## Activity
Here are some entries; quote each one exactly.

## Records provided
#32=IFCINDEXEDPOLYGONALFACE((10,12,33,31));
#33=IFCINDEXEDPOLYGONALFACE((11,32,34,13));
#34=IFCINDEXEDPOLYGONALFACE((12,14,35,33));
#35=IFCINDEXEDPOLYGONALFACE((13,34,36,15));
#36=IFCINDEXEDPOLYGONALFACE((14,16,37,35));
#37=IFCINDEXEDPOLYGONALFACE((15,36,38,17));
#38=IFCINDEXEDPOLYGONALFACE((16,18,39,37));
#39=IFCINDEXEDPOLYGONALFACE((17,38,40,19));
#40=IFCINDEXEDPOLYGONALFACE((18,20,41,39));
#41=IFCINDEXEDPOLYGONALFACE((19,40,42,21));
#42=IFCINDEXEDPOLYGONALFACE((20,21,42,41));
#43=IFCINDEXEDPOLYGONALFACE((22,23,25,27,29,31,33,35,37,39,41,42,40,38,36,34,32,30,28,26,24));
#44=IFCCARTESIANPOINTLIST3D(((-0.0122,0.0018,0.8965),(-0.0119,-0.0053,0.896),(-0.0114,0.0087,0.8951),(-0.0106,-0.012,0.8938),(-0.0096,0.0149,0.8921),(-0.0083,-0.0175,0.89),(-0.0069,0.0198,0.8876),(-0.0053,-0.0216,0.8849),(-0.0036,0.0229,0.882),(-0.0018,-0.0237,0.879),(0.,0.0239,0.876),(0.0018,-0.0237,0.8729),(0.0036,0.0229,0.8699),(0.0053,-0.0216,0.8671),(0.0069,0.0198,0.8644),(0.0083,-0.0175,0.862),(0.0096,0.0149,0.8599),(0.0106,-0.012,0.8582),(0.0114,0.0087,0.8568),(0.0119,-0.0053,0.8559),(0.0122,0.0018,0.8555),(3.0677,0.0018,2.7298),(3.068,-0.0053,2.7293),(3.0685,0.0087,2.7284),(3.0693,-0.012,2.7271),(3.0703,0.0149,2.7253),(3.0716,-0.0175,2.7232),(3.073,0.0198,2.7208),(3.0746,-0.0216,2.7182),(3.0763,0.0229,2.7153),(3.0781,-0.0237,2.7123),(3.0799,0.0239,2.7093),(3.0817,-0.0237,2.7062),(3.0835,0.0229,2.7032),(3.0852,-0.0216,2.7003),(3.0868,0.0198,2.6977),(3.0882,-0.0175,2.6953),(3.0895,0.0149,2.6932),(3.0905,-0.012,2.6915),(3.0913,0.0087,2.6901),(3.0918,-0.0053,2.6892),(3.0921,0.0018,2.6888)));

## Solved exercise
#32=IFCINDEXEDPOLYGONALFACE((10,12,33,31));
#33=IFCINDEXEDPOLYGONALFACE((11,32,34,13));
#34=IFCINDEXEDPOLYGONALFACE((12,14,35,33));
#35=IFCINDEXEDPOLYGONALFACE((13,34,36,15));
#36=IFCINDEXEDPOLYGONALFACE((14,16,37,35));
#37=IFCINDEXEDPOLYGONALFACE((15,36,38,17));
#38=IFCINDEXEDPOLYGONALFACE((16,18,39,37));
#39=IFCINDEXEDPOLYGONALFACE((17,38,40,19));
#40=IFCINDEXEDPOLYGONALFACE((18,20,41,39));
#41=IFCINDEXEDPOLYGONALFACE((19,40,42,21));
#42=IFCINDEXEDPOLYGONALFACE((20,21,42,41));
#43=IFCINDEXEDPOLYGONALFACE((22,23,25,27,29,31,33,35,37,39,41,42,40,38,36,34,32,30,28,26,24));
#44=IFCCARTESIANPOINTLIST3D(((-0.0122,0.0018,0.8965),(-0.0119,-0.0053,0.896),(-0.0114,0.0087,0.8951),(-0.0106,-0.012,0.8938),(-0.0096,0.0149,0.8921),(-0.0083,-0.0175,0.89),(-0.0069,0.0198,0.8876),(-0.0053,-0.0216,0.8849),(-0.0036,0.0229,0.882),(-0.0018,-0.0237,0.879),(0.,0.0239,0.876),(0.0018,-0.0237,0.8729),(0.0036,0.0229,0.8699),(0.0053,-0.0216,0.8671),(0.0069,0.0198,0.8644),(0.0083,-0.0175,0.862),(0.0096,0.0149,0.8599),(0.0106,-0.012,0.8582),(0.0114,0.0087,0.8568),(0.0119,-0.0053,0.8559),(0.0122,0.0018,0.8555),(3.0677,0.0018,2.7298),(3.068,-0.0053,2.7293),(3.0685,0.0087,2.7284),(3.0693,-0.012,2.7271),(3.0703,0.0149,2.7253),(3.0716,-0.0175,2.7232),(3.073,0.0198,2.7208),(3.0746,-0.0216,2.7182),(3.0763,0.0229,2.7153),(3.0781,-0.0237,2.7123),(3.0799,0.0239,2.7093),(3.0817,-0.0237,2.7062),(3.0835,0.0229,2.7032),(3.0852,-0.0216,2.7003),(3.0868,0.0198,2.6977),(3.0882,-0.0175,2.6953),(3.0895,0.0149,2.6932),(3.0905,-0.012,2.6915),(3.0913,0.0087,2.6901),(3.0918,-0.0053,2.6892),(3.0921,0.0018,2.6888)));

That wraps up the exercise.